:: Provided information

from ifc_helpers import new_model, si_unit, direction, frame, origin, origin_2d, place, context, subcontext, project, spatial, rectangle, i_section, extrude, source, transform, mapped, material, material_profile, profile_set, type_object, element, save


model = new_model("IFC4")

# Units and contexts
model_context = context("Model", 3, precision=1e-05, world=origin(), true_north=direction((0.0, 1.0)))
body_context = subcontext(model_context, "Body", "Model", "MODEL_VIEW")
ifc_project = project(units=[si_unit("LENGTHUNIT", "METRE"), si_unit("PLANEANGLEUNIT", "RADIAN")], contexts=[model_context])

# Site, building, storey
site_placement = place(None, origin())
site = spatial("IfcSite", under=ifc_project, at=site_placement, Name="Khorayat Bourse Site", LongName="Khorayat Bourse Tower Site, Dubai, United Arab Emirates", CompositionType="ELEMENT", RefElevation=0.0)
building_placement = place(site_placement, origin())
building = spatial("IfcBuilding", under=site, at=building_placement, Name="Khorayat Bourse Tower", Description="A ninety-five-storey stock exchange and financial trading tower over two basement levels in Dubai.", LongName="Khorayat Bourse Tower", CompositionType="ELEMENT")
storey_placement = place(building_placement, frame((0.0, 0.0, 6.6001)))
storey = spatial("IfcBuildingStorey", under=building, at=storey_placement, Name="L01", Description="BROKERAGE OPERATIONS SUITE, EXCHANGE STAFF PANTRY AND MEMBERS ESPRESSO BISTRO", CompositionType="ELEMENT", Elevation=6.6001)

::::

What is required:
Transcribe the opening lines of the listing exactly, please. Stop after the line that contains "Site, Dubai, United".

Exercise result:
from ifc_helpers import new_model, si_unit, direction, frame, origin, origin_2d, place, context, subcontext, project, spatial, rectangle, i_section, extrude, source, transform, mapped, material, material_profile, profile_set, type_object, element, save


model = new_model("IFC4")

# Units and contexts
model_context = context("Model", 3, precision=1e-05, world=origin(), true_north=direction((0.0, 1.0)))
body_context = subcontext(model_context, "Body", "Model", "MODEL_VIEW")
ifc_project = project(units=[si_unit("LENGTHUNIT", "METRE"), si_unit("PLANEANGLEUNIT", "RADIAN")], contexts=[model_context])

# Site, building, storey
site_placement = place(None, origin())
site = spatial("IfcSite", under=ifc_project, at=site_placement, Name="Khorayat Bourse Site", LongName="Khorayat Bourse Tower Site, Dubai, United Arab Emirates", CompositionType="ELEMENT", RefElevation=0.0)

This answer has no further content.